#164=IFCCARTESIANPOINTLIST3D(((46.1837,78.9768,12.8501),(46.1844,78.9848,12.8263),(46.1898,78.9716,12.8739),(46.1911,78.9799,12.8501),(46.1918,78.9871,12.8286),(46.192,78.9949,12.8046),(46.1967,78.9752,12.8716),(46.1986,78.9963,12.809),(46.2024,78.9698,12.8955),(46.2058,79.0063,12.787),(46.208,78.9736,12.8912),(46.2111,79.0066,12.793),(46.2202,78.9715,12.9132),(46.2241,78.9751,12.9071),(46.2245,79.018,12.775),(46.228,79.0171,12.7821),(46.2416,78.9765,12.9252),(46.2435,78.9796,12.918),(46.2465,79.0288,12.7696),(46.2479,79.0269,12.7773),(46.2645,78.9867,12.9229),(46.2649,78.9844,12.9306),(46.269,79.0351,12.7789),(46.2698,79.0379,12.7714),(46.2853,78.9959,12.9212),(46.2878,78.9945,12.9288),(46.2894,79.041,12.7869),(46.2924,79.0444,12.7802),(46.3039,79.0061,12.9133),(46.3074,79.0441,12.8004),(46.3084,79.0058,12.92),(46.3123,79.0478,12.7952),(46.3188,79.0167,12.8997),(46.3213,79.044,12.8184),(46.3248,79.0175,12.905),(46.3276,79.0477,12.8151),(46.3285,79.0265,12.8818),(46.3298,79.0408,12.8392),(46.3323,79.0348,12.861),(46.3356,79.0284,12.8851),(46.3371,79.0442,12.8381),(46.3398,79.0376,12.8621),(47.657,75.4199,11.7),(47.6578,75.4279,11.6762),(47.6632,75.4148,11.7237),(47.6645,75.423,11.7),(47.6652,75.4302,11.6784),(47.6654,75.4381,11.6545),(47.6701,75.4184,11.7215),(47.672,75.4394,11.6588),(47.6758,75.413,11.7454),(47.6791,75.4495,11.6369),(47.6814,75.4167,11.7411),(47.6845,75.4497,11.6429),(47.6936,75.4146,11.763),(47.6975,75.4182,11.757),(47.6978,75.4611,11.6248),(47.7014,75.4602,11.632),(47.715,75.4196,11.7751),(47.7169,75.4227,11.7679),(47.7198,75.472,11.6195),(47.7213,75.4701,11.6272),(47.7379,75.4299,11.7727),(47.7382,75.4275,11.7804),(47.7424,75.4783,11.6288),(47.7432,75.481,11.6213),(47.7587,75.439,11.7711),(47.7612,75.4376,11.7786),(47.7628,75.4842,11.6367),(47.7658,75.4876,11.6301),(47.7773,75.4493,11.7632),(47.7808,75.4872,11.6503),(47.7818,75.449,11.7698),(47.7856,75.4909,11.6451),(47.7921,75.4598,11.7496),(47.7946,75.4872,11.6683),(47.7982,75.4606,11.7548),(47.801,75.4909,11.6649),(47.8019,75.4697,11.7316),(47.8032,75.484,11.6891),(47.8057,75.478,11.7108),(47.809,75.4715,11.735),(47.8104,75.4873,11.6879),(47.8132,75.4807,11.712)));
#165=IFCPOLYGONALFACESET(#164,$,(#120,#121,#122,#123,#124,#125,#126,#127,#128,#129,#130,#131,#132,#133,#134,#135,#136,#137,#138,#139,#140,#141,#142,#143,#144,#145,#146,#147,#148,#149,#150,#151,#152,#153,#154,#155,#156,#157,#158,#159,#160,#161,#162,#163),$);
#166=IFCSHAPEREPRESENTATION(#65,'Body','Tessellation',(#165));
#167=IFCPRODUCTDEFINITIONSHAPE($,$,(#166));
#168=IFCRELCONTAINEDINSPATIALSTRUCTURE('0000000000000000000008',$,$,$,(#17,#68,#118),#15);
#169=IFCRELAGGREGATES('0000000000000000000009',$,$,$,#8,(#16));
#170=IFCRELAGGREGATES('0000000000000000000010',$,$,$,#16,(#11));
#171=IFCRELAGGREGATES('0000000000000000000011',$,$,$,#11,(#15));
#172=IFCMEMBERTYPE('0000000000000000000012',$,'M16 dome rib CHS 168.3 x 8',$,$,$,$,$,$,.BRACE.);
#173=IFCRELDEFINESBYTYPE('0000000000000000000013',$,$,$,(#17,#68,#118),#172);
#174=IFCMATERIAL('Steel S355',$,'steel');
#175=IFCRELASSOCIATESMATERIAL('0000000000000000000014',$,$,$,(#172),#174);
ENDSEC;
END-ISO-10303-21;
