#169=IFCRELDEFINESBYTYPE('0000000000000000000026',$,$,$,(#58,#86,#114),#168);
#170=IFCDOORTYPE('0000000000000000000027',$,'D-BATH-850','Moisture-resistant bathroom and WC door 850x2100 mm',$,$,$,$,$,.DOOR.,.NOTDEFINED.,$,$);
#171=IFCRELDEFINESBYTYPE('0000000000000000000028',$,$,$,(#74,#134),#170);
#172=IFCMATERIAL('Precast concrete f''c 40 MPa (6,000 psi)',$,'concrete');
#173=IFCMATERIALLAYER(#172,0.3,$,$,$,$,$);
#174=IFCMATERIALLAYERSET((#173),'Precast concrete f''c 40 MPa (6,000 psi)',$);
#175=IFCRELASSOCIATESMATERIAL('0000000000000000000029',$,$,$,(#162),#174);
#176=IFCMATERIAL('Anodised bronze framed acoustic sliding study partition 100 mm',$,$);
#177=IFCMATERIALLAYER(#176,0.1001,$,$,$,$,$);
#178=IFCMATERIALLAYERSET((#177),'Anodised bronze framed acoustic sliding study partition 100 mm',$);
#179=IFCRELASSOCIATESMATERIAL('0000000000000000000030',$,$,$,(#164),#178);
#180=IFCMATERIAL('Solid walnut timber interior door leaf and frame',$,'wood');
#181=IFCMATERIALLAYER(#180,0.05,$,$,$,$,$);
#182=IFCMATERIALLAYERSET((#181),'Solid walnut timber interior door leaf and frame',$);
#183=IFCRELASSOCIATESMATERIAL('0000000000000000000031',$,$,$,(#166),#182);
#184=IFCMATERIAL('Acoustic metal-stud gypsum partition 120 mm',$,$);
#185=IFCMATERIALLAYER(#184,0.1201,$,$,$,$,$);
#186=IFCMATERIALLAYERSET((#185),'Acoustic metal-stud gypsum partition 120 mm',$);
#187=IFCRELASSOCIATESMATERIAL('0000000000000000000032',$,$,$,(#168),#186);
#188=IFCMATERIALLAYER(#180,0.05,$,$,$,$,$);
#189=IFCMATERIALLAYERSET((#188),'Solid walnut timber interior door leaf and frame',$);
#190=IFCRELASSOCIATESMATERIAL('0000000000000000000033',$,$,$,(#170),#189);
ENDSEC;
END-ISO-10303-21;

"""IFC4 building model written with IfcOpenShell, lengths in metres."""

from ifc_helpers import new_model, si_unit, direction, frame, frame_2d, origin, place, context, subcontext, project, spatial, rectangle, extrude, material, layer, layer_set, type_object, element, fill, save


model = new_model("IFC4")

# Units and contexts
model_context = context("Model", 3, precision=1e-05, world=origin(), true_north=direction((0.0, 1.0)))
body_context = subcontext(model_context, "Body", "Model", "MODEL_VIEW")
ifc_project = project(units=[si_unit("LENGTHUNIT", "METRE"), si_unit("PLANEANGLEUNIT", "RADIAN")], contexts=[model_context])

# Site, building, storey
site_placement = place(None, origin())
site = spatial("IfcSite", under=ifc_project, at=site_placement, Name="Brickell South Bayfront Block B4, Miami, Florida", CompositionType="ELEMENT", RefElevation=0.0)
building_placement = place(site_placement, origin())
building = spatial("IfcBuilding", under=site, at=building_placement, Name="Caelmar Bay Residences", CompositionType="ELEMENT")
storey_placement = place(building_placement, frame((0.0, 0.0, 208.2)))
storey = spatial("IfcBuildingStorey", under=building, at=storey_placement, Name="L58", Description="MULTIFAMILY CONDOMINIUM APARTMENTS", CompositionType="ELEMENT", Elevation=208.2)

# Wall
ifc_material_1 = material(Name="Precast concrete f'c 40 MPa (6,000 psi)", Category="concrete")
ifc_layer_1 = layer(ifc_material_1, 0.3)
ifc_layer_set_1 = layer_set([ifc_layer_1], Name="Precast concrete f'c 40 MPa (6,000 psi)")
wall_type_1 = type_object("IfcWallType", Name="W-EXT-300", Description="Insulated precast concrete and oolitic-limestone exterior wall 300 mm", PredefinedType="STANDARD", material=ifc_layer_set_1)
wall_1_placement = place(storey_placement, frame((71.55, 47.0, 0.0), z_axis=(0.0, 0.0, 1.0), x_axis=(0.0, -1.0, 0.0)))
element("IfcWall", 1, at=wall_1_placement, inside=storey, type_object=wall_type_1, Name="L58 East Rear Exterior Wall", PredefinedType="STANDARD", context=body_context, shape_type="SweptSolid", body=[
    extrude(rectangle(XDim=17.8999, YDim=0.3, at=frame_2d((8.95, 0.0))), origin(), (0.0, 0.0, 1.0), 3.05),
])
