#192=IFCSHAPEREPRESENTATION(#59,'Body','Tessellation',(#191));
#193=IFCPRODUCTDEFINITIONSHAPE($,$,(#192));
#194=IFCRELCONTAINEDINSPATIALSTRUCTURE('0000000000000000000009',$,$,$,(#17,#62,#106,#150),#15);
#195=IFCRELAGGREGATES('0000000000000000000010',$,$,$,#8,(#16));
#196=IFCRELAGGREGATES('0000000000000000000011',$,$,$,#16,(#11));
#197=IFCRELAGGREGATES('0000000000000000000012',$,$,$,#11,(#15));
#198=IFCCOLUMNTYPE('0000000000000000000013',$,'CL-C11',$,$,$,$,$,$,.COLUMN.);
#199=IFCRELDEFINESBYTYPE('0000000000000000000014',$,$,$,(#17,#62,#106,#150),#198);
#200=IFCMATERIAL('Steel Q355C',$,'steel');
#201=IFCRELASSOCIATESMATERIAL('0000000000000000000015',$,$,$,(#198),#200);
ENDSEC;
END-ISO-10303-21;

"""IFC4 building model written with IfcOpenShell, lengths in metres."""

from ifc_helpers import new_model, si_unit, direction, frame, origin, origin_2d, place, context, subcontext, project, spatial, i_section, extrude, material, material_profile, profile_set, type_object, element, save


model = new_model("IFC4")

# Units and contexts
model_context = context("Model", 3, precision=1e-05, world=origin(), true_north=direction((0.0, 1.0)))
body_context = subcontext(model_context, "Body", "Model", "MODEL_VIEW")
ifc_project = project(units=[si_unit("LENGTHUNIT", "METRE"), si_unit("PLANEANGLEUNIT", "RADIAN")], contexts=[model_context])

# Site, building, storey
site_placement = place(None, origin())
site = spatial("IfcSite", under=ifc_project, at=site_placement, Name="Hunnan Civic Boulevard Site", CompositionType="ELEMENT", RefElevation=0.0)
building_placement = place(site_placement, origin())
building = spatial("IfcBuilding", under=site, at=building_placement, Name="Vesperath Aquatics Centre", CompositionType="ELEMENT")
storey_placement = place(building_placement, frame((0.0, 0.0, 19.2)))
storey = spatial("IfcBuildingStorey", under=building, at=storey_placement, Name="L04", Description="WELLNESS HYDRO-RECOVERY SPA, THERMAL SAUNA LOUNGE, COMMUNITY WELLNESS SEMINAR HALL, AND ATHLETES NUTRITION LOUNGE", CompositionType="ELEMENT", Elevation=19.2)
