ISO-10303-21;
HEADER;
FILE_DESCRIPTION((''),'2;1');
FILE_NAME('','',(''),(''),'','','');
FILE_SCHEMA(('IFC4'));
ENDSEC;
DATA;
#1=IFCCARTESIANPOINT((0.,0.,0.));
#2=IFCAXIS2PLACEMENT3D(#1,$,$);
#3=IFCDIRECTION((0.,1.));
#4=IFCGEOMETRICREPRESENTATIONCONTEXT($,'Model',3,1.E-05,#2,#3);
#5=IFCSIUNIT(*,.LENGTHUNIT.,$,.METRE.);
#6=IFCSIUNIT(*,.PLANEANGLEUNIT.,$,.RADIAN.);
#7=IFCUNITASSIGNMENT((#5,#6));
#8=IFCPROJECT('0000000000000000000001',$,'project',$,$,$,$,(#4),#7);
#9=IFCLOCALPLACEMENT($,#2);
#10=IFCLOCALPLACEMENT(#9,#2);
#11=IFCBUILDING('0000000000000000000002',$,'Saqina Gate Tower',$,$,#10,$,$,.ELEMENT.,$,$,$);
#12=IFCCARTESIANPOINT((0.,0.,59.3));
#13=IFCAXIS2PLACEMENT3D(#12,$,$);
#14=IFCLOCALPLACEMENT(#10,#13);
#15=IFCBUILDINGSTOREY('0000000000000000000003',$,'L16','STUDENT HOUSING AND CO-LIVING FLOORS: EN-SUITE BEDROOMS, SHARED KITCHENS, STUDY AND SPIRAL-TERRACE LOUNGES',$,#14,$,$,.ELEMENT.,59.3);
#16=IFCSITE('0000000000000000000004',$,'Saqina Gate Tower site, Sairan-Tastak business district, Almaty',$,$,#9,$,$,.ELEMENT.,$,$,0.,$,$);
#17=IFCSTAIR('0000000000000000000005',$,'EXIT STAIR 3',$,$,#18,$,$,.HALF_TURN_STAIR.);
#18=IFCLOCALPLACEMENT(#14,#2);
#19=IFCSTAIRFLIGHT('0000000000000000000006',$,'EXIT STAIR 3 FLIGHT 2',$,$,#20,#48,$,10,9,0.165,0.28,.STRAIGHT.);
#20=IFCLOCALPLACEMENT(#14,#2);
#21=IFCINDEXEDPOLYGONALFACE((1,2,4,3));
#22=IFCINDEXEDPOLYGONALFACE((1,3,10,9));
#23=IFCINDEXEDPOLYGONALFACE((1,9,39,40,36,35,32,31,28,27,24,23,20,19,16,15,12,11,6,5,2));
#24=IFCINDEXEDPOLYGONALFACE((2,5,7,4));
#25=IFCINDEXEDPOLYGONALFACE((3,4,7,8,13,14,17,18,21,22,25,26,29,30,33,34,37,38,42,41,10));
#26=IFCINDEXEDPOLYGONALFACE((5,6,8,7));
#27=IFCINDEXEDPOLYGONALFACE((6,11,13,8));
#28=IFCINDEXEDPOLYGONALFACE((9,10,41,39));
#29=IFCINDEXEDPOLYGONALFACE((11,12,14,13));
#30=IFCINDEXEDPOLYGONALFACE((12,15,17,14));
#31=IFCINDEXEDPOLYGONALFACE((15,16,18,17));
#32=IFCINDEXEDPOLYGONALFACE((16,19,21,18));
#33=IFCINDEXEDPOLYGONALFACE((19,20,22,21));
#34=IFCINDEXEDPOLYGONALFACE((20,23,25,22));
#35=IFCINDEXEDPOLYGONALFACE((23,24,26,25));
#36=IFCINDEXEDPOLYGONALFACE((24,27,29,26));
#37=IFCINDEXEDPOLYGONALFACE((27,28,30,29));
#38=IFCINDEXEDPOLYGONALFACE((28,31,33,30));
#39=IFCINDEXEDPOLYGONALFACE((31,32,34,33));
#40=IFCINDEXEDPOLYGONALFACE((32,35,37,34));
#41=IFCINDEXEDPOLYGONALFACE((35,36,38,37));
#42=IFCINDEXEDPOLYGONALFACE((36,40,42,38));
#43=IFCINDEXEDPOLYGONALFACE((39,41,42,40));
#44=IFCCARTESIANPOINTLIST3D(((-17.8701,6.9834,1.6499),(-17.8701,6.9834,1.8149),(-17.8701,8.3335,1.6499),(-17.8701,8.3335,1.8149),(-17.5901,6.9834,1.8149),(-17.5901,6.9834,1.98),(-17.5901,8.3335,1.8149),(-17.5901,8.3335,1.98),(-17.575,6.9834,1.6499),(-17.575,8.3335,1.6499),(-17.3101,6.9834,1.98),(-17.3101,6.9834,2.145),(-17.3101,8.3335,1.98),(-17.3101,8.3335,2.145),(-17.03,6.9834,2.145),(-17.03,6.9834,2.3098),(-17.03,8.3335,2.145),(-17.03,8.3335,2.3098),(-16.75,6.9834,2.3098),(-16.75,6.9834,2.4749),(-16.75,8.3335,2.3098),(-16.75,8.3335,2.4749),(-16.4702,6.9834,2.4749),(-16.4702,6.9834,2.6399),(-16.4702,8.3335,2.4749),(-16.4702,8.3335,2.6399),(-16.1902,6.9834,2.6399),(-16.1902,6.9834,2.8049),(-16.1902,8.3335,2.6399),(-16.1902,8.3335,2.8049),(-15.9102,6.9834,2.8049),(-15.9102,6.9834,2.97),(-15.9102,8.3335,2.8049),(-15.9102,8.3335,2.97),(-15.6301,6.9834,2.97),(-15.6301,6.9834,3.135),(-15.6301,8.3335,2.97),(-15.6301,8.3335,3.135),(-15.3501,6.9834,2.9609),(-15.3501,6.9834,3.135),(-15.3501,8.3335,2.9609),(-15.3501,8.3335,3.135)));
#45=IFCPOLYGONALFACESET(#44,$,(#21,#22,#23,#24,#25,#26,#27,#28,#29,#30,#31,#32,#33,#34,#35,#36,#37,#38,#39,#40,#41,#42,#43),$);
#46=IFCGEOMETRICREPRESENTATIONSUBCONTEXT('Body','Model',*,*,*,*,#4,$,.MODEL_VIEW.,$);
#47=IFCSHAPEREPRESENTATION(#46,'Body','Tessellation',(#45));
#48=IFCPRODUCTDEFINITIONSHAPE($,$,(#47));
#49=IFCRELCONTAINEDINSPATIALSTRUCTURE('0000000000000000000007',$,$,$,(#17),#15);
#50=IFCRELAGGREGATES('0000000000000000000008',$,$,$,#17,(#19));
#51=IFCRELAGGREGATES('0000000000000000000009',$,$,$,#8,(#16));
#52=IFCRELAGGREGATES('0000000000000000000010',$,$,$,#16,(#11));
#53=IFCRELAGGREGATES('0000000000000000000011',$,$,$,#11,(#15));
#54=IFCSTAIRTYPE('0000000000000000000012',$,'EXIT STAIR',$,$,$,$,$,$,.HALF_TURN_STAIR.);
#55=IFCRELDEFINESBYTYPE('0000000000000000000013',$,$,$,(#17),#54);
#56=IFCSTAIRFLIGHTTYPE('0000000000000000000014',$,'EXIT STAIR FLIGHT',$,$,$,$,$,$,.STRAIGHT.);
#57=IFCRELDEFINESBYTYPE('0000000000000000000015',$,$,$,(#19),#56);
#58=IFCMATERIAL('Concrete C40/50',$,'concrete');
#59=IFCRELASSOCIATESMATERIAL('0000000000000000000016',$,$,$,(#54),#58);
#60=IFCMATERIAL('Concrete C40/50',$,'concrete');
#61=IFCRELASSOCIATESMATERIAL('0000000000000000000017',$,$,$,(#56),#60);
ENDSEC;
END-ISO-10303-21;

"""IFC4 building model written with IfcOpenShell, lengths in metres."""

from ifc_helpers import new_model, si_unit, direction, frame, origin, place, context, subcontext, project, spatial, polyline, outline, extrude, material, type_object, element, aggregate, save


model = new_model("IFC4")

# Units and contexts
model_context = context("Model", 3, precision=1e-05, world=origin(), true_north=direction((0.0, 1.0)))
body_context = subcontext(model_context, "Body", "Model", "MODEL_VIEW")
ifc_project = project(units=[si_unit("LENGTHUNIT", "METRE"), si_unit("PLANEANGLEUNIT", "RADIAN")], contexts=[model_context])

# Site, building, storey
site_placement = place(None, origin())
site = spatial("IfcSite", under=ifc_project, at=site_placement, Name="Saqina Gate Tower site, Sairan-Tastak business district, Almaty", CompositionType="ELEMENT", RefElevation=0.0)
building_placement = place(site_placement, origin())
building = spatial("IfcBuilding", under=site, at=building_placement, Name="Saqina Gate Tower", CompositionType="ELEMENT")
storey_placement = place(building_placement, frame((0.0, 0.0, 59.3)))
storey = spatial("IfcBuildingStorey", under=building, at=storey_placement, Name="L16", Description="STUDENT HOUSING AND CO-LIVING FLOORS: EN-SUITE BEDROOMS, SHARED KITCHENS, STUDY AND SPIRAL-TERRACE LOUNGES", CompositionType="ELEMENT", Elevation=59.3)

# Stair, stair flight
ifc_material_1 = material(Name="Concrete C40/50", Category="concrete")
stair_type = type_object("IfcStairType", Name="EXIT STAIR", PredefinedType="HALF_TURN_STAIR", material=ifc_material_1)
stair_placement = place(storey_placement, origin())
stair = element("IfcStair", 1, at=stair_placement, inside=storey, type_object=stair_type, Name="EXIT STAIR 3", PredefinedType="HALF_TURN_STAIR")
ifc_material_2 = material(Name="Concrete C40/50", Category="concrete")
stair_flight_type = type_object("IfcStairFlightType", Name="EXIT STAIR FLIGHT", PredefinedType="STRAIGHT", material=ifc_material_2)
stair_flight_1_placement = place(storey_placement, frame((-17.8701, 7.6584, 1.6499), z_axis=(0.0, 0.0, 1.0), x_axis=(1.0, 0.0, 0.0)))
stair_flight_1 = element("IfcStairFlight", 2, at=stair_flight_1_placement, type_object=stair_flight_type, Name="EXIT STAIR 3 FLIGHT 2", NumberOfRisers=10, NumberOfTreads=9, PredefinedType="STRAIGHT", RiserHeight=0.165, TreadLength=0.28, context=body_context, shape_type="SweptSolid", body=[
    extrude(outline(polyline([(0.0, 0.0), (0.0, 0.165), (0.28, 0.165), (0.28, 0.3301), (0.5601, 0.3301), (0.5601, 0.4951), (0.8401, 0.4951), (0.8401, 0.6599), (1.1201, 0.6599), (1.1201, 0.825), (1.3999, 0.825), (1.3999, 0.99), (1.6799, 0.99), (1.6799, 1.155), (1.96, 1.155), (1.96, 1.3201), (2.24, 1.3201), (2.24, 1.4851), (2.52, 1.4851), (2.52, 1.6499), (2.52, 1.311), (0.2952, 0.0), (0.0, 0.0)])), frame((0.0, 0.675, 0.0), z_axis=(0.0, -1.0, 0.0), x_axis=(1.0, 0.0, 0.0)), (0.0, 0.0, 1.0), 1.3501),
])
aggregate(stair, [stair_flight_1])

save(model, "model.ifc")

****

- EXERCISE DIRECTIONS -
"metal" is the word to look for; copy every line of the data that has it.

- RESULT BELOW -
#184=IFCMATERIAL('Acoustic metal-stud gypsum partition 120 mm',$,$);
#186=IFCMATERIALLAYERSET((#185),'Acoustic metal-stud gypsum partition 120 mm',$);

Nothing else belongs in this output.